▸ **What this task involves**
Every line of the data that contains the string "Reach" must be copied.

▸ **Records for this exercise**
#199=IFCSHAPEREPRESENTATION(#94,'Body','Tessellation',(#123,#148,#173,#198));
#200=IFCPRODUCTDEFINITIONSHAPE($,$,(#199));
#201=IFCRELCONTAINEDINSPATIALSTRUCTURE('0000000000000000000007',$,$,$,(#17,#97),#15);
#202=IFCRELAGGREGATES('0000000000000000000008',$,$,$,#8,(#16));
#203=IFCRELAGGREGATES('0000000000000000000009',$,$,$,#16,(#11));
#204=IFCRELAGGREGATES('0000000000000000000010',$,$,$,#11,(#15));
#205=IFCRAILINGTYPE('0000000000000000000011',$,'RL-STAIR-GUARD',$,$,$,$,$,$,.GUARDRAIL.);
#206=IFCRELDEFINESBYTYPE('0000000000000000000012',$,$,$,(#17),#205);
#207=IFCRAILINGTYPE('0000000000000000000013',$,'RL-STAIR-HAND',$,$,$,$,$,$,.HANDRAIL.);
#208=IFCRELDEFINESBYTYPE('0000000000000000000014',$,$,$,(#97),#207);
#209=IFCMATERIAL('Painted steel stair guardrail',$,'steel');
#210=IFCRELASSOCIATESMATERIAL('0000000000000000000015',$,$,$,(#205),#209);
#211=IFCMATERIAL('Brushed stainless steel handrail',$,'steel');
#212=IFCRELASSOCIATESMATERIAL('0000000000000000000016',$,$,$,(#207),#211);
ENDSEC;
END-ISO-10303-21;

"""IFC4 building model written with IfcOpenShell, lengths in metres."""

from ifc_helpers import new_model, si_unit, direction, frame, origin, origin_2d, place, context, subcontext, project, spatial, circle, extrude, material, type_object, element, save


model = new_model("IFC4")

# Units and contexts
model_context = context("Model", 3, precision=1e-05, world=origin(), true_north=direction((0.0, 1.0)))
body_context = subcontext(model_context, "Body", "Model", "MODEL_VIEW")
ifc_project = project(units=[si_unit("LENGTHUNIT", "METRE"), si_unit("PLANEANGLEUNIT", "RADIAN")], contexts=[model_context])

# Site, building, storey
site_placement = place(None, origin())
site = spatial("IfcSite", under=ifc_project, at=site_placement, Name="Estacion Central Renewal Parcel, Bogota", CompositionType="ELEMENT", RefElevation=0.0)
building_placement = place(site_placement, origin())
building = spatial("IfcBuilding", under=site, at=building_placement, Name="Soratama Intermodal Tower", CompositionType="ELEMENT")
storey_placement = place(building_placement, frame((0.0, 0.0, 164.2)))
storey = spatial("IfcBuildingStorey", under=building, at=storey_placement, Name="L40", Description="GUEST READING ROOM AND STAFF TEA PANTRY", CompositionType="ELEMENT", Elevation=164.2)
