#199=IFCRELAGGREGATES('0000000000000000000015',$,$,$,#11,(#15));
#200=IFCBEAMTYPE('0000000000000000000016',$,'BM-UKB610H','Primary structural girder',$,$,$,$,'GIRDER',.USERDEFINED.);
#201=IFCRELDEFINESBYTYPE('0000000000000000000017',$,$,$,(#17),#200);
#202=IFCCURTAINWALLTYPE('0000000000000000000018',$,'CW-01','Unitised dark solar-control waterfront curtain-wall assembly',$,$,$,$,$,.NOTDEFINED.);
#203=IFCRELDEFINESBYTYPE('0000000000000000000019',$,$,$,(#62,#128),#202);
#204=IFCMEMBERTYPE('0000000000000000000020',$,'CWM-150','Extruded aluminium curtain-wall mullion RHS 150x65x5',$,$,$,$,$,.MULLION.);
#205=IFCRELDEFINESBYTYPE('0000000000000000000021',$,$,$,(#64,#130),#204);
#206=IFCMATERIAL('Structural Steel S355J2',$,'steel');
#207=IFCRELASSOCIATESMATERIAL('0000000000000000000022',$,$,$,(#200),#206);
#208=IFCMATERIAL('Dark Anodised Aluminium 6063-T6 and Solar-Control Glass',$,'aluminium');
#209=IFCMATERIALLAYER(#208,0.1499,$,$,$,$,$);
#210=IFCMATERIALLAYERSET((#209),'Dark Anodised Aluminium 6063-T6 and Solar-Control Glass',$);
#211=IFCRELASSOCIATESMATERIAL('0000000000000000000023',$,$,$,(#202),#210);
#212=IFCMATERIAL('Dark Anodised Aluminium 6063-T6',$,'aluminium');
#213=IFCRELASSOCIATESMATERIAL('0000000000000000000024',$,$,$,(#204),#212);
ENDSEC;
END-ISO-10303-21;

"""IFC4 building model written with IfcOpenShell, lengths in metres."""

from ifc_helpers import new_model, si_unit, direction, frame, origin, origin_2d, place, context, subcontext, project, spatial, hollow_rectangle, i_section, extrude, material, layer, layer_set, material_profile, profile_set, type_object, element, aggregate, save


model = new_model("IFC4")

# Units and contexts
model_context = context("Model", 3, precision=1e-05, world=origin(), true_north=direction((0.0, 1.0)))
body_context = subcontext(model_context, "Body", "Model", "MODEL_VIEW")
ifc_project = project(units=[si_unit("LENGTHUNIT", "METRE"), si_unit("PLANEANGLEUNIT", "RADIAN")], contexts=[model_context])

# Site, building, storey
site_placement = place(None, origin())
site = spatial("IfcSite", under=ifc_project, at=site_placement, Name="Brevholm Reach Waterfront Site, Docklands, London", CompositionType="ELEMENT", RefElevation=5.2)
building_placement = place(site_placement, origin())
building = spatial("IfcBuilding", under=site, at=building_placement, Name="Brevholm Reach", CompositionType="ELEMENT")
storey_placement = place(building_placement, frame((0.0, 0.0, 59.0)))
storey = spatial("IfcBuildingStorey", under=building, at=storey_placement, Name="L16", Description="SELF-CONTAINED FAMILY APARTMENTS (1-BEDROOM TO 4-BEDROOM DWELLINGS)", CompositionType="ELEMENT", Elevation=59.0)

▸ **Written answer**
site = spatial("IfcSite", under=ifc_project, at=site_placement, Name="Brevholm Reach Waterfront Site, Docklands, London", CompositionType="ELEMENT", RefElevation=5.2)
building = spatial("IfcBuilding", under=site, at=building_placement, Name="Brevholm Reach", CompositionType="ELEMENT")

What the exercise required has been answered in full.